* **What you need to do**: Your task is to copy the lines of the data below from the line holding "#166=IFCINDEXEDPOLYGONALFACE((5,7,8,6));" through the line holding "#172=IFCRELAGGREGATES('0000000000000000000009',$,$,$,#8,(#16));", inclusive, exactly and with nothing added.

□ □ □ □ □ □ □

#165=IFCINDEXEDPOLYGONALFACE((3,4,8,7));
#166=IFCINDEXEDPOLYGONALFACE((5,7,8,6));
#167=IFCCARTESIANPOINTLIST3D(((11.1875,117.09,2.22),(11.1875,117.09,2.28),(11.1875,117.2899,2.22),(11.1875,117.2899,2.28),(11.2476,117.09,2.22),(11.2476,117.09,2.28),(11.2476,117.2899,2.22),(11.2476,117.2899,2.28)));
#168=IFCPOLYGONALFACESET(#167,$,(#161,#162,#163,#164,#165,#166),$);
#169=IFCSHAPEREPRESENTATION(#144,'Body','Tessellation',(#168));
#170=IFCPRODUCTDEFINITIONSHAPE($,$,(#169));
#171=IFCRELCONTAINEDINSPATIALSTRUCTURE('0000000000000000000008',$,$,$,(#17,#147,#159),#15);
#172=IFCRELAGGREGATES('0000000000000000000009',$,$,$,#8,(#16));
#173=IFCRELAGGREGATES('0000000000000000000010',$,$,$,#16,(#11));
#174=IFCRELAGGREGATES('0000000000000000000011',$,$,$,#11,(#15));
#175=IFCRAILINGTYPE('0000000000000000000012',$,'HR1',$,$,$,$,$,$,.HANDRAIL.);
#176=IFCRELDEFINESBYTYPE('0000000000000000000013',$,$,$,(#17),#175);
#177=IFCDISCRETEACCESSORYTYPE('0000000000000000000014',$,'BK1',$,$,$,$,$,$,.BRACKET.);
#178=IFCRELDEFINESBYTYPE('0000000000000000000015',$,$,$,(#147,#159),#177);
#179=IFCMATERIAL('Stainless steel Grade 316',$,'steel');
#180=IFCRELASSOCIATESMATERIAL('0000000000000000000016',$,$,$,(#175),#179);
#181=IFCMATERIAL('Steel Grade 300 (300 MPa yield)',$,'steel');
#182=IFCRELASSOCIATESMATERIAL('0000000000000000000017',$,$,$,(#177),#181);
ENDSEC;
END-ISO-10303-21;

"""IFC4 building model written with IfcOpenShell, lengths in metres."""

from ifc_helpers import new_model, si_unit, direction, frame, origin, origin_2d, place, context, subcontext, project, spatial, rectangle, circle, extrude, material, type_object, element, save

□ □ □ □ □ □ □

* **Result**:
#166=IFCINDEXEDPOLYGONALFACE((5,7,8,6));
#167=IFCCARTESIANPOINTLIST3D(((11.1875,117.09,2.22),(11.1875,117.09,2.28),(11.1875,117.2899,2.22),(11.1875,117.2899,2.28),(11.2476,117.09,2.22),(11.2476,117.09,2.28),(11.2476,117.2899,2.22),(11.2476,117.2899,2.28)));
#168=IFCPOLYGONALFACESET(#167,$,(#161,#162,#163,#164,#165,#166),$);
#169=IFCSHAPEREPRESENTATION(#144,'Body','Tessellation',(#168));
#170=IFCPRODUCTDEFINITIONSHAPE($,$,(#169));
#171=IFCRELCONTAINEDINSPATIALSTRUCTURE('0000000000000000000008',$,$,$,(#17,#147,#159),#15);
#172=IFCRELAGGREGATES('0000000000000000000009',$,$,$,#8,(#16));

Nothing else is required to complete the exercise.